▸ What you should do
Find every line in the records that holds the string "IFCPRODUCTDEFINITIONSHAPE". Copy each one.

Saved entries:
★ ★ ★ ★

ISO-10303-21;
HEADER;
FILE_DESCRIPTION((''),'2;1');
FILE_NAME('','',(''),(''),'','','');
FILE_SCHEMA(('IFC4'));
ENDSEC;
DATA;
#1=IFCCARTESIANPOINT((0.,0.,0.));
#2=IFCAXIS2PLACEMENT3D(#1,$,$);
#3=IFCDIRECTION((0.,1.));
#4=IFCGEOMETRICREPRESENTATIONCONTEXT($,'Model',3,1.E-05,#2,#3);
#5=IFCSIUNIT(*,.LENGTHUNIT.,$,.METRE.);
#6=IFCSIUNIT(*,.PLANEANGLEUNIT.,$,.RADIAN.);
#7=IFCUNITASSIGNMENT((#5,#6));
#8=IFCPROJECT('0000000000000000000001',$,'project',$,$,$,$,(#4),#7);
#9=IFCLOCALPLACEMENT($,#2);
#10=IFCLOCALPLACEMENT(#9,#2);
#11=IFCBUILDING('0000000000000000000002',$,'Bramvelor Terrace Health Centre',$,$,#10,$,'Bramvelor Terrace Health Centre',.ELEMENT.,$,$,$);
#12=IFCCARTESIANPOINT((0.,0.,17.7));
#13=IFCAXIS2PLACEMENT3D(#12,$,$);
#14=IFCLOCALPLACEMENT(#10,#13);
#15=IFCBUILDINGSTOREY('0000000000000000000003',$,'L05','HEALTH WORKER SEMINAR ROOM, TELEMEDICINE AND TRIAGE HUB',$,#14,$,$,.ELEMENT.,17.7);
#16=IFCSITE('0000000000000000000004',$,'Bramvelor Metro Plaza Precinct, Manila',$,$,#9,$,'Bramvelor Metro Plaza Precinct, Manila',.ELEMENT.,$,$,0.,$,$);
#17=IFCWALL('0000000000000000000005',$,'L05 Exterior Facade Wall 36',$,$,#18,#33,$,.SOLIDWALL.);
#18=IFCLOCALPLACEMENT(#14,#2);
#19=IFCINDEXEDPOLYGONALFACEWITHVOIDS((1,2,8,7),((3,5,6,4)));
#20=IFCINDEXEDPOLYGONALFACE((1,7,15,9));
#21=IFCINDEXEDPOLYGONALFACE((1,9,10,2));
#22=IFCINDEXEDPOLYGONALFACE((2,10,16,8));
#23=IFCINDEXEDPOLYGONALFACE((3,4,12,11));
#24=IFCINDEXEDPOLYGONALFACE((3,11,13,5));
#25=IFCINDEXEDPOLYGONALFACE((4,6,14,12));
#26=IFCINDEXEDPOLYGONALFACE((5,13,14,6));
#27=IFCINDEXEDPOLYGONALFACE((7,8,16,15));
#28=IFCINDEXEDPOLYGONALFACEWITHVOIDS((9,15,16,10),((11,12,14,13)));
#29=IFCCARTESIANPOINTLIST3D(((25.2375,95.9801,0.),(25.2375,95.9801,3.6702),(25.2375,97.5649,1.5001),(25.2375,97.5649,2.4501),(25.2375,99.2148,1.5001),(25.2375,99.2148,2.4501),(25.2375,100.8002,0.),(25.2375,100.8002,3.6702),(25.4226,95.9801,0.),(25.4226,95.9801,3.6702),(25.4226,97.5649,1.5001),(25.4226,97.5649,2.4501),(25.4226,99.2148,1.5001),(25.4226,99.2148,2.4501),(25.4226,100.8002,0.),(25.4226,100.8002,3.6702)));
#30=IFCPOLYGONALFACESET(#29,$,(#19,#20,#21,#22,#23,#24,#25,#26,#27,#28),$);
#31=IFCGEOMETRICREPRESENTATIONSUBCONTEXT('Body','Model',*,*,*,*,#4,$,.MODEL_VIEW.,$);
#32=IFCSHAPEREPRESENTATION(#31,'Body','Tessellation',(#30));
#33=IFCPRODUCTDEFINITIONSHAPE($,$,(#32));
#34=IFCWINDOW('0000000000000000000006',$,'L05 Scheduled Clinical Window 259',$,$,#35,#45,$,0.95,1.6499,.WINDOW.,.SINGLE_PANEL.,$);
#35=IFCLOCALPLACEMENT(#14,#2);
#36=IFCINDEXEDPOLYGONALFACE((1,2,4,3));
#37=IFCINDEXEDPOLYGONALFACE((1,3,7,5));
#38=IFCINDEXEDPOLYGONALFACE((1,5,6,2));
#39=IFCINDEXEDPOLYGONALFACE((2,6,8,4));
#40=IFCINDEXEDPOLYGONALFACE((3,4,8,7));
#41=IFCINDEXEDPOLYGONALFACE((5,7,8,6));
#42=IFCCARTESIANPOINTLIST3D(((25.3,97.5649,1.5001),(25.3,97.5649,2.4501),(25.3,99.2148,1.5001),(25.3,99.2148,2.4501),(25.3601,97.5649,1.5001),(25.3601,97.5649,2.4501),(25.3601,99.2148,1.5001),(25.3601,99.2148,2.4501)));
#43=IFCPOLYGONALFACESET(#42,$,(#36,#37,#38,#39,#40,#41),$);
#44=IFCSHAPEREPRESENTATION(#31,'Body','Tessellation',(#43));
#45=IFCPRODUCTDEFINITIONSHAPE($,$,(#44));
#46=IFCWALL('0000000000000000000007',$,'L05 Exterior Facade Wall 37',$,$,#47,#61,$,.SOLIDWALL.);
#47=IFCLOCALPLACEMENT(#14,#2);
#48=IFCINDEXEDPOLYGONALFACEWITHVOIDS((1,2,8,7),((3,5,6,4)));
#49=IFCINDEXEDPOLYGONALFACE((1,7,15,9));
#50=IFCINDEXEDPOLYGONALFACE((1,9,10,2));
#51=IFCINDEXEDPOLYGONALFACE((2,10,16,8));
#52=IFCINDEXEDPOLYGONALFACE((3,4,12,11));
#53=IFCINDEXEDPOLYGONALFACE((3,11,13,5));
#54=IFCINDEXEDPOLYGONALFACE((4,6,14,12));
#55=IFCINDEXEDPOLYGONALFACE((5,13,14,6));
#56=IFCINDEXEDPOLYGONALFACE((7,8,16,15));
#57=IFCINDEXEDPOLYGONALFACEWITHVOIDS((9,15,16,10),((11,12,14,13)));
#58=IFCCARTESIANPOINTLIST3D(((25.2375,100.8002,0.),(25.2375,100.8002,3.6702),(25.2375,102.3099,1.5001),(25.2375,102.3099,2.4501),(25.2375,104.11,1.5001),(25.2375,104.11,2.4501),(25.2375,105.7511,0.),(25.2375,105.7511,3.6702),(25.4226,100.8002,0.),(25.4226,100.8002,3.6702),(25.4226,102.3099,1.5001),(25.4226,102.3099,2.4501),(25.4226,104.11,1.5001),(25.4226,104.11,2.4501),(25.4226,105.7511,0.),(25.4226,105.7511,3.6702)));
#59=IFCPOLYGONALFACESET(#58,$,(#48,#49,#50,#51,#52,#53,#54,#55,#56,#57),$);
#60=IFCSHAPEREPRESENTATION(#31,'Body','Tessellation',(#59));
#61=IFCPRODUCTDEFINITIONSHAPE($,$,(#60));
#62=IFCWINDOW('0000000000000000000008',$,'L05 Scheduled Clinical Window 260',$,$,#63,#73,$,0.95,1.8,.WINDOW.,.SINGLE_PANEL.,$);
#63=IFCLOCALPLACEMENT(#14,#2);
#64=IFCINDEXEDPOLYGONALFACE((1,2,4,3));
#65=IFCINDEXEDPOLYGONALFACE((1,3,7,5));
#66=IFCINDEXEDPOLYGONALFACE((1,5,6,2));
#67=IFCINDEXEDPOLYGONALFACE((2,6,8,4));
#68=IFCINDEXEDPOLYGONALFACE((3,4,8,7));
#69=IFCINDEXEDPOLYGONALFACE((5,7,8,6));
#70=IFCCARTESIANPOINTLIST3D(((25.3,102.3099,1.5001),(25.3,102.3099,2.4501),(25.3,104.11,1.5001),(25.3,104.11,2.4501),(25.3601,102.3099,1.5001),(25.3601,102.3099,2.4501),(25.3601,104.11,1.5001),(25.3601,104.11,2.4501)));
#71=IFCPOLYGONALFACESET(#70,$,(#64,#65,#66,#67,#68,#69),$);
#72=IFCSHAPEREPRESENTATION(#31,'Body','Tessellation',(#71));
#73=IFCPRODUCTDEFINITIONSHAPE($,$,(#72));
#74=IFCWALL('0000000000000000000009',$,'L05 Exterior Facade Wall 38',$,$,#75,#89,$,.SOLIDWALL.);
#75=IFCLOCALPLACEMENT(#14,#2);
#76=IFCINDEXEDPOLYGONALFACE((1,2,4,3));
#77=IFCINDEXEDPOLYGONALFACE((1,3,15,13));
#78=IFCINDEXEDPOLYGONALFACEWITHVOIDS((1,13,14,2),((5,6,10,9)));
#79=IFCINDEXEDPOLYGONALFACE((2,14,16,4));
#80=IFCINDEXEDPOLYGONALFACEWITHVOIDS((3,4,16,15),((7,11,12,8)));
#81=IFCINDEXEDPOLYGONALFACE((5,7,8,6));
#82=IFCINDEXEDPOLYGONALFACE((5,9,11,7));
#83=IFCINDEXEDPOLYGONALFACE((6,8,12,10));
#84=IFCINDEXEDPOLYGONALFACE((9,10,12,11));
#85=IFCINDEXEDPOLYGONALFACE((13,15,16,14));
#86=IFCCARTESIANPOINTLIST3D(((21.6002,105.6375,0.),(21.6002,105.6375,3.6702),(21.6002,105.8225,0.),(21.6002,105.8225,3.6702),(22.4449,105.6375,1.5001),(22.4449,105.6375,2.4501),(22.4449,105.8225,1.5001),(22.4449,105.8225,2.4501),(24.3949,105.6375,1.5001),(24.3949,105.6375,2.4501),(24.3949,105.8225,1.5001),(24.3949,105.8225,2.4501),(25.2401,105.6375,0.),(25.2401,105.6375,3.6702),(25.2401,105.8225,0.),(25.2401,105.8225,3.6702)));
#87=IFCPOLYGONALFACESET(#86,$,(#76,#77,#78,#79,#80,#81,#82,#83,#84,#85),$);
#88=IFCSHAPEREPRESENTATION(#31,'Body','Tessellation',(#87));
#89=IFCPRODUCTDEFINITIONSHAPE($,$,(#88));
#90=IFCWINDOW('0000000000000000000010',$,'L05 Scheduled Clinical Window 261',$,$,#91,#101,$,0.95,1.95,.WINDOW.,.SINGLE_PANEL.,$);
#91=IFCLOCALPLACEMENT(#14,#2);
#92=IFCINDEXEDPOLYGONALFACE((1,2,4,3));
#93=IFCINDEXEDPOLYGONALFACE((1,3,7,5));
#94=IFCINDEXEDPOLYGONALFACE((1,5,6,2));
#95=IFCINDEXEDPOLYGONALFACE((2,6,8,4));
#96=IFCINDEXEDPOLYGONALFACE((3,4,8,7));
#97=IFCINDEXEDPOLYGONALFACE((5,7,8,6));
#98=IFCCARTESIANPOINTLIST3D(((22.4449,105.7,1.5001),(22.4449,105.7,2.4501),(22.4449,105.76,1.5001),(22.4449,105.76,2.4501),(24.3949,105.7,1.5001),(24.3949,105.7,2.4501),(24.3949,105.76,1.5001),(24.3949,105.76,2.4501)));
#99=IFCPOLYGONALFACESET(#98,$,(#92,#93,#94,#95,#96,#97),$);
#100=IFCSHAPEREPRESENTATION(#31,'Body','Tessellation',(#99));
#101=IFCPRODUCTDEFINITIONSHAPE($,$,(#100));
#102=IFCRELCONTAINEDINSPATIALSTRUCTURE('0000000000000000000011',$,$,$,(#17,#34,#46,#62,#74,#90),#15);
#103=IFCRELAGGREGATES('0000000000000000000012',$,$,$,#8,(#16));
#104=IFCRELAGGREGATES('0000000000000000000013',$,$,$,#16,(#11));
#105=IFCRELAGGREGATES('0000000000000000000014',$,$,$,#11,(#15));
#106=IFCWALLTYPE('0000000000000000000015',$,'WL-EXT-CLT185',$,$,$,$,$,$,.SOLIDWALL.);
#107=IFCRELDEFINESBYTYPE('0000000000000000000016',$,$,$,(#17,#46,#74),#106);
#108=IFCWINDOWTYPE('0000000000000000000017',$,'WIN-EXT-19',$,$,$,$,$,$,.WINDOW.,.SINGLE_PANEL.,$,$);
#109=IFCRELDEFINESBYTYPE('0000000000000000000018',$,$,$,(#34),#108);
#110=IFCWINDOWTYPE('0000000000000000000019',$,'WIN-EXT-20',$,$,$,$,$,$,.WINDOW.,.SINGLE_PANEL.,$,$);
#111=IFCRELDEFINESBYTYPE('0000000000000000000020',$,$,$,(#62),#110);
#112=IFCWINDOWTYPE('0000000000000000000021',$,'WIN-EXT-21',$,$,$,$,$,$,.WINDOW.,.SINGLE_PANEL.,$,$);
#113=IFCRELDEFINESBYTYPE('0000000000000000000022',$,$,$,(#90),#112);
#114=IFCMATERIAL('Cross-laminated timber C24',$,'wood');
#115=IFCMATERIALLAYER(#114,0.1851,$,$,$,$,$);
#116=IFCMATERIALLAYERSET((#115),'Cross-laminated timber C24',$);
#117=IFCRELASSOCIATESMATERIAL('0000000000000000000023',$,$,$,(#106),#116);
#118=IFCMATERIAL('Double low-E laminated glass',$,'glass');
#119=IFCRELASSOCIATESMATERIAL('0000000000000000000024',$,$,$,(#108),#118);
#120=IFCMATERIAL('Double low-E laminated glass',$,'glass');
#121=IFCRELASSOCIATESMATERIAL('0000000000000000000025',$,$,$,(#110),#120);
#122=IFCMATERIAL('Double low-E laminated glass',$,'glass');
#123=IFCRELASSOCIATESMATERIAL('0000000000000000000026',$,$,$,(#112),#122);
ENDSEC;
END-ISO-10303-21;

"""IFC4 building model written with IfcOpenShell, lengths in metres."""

from ifc_helpers import new_model, si_unit, direction, frame, frame_2d, origin, place, context, subcontext, project, spatial, rectangle, extrude, material, layer, layer_set, type_object, element, fill, save


model = new_model("IFC4")

# Units and contexts
model_context = context("Model", 3, precision=1e-05, world=origin(), true_north=direction((0.0, 1.0)))
body_context = subcontext(model_context, "Body", "Model", "MODEL_VIEW")
ifc_project = project(units=[si_unit("LENGTHUNIT", "METRE"), si_unit("PLANEANGLEUNIT", "RADIAN")], contexts=[model_context])

# Site, building, storey
site_placement = place(None, origin())
site = spatial("IfcSite", under=ifc_project, at=site_placement, Name="Bramvelor Metro Plaza Precinct, Manila", LongName="Bramvelor Metro Plaza Precinct, Manila", CompositionType="ELEMENT", RefElevation=0.0)
building_placement = place(site_placement, origin())
building = spatial("IfcBuilding", under=site, at=building_placement, Name="Bramvelor Terrace Health Centre", LongName="Bramvelor Terrace Health Centre", CompositionType="ELEMENT")
storey_placement = place(building_placement, frame((0.0, 0.0, 17.7)))
storey = spatial("IfcBuildingStorey", under=building, at=storey_placement, Name="L05", Description="HEALTH WORKER SEMINAR ROOM, TELEMEDICINE AND TRIAGE HUB", CompositionType="ELEMENT", Elevation=17.7)

# Walls, openings, windows
ifc_material_1 = material(Name="Cross-laminated timber C24", Category="wood")
ifc_layer_1 = layer(ifc_material_1, 0.1851)
ifc_layer_set_1 = layer_set([ifc_layer_1], Name="Cross-laminated timber C24")
wall_type_1 = type_object("IfcWallType", Name="WL-EXT-CLT185", PredefinedType="SOLIDWALL", material=ifc_layer_set_1)
wall_1_placement = place(storey_placement, frame((25.3301, 95.98, 0.0), z_axis=(0.0, 0.0, 1.0), x_axis=(0.0, 1.0, 0.0)))
wall_1 = element("IfcWall", 1, at=wall_1_placement, inside=storey, type_object=wall_type_1, Name="L05 Exterior Facade Wall 36", PredefinedType="SOLIDWALL", context=body_context, shape_type="SweptSolid", body=[
    extrude(rectangle(XDim=4.8201, YDim=0.1851, at=frame_2d((2.4102, 0.0))), origin(), (0.0, 0.0, 1.0), 3.6702),
])
opening_1_placement = place(wall_1_placement, frame((1.585, 0.0, 1.5)))
opening_1 = element("IfcOpeningElement", 2, at=opening_1_placement, cuts=wall_1, PredefinedType="OPENING", context=body_context, shape_type="SweptSolid", body=[
    extrude(rectangle(XDim=1.6499, YDim=0.95, at=frame_2d((0.825, 0.4751))), frame((0.0, 0.1025, 0.0), z_axis=(0.0, -1.0, 0.0), x_axis=(1.0, 0.0, 0.0)), (0.0, 0.0, 1.0), 0.2051),
])
ifc_material_2 = material(Name="Double low-E laminated glass", Category="glass")
window_type_1 = type_object("IfcWindowType", Name="WIN-EXT-19", PartitioningType="SINGLE_PANEL", PredefinedType="WINDOW", material=ifc_material_2)
window_1_placement = place(opening_1_placement, origin())
window_1 = element("IfcWindow", 3, at=window_1_placement, inside=storey, type_object=window_type_1, Name="L05 Scheduled Clinical Window 259", OverallHeight=0.95, OverallWidth=1.6499, PartitioningType="SINGLE_PANEL", PredefinedType="WINDOW", context=body_context, shape_type="SweptSolid", body=[
    extrude(rectangle(XDim=1.6499, YDim=0.95, at=frame_2d((0.825, 0.4751))), frame((0.0, 0.03, 0.0), z_axis=(0.0, -1.0, 0.0), x_axis=(1.0, 0.0, 0.0)), (0.0, 0.0, 1.0), 0.0601),
])
fill(opening_1, window_1)
wall_2_placement = place(storey_placement, frame((25.3301, 100.8, 0.0), z_axis=(0.0, 0.0, 1.0), x_axis=(0.0, 1.0, 0.0)))
wall_2 = element("IfcWall", 4, at=wall_2_placement, inside=storey, type_object=wall_type_1, Name="L05 Exterior Facade Wall 37", PredefinedType="SOLIDWALL", context=body_context, shape_type="SweptSolid", body=[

★ ★ ★ ★

▸ Solution to the exercise
#33=IFCPRODUCTDEFINITIONSHAPE($,$,(#32));
#45=IFCPRODUCTDEFINITIONSHAPE($,$,(#44));
#61=IFCPRODUCTDEFINITIONSHAPE($,$,(#60));
#73=IFCPRODUCTDEFINITIONSHAPE($,$,(#72));
#89=IFCPRODUCTDEFINITIONSHAPE($,$,(#88));
#101=IFCPRODUCTDEFINITIONSHAPE($,$,(#100));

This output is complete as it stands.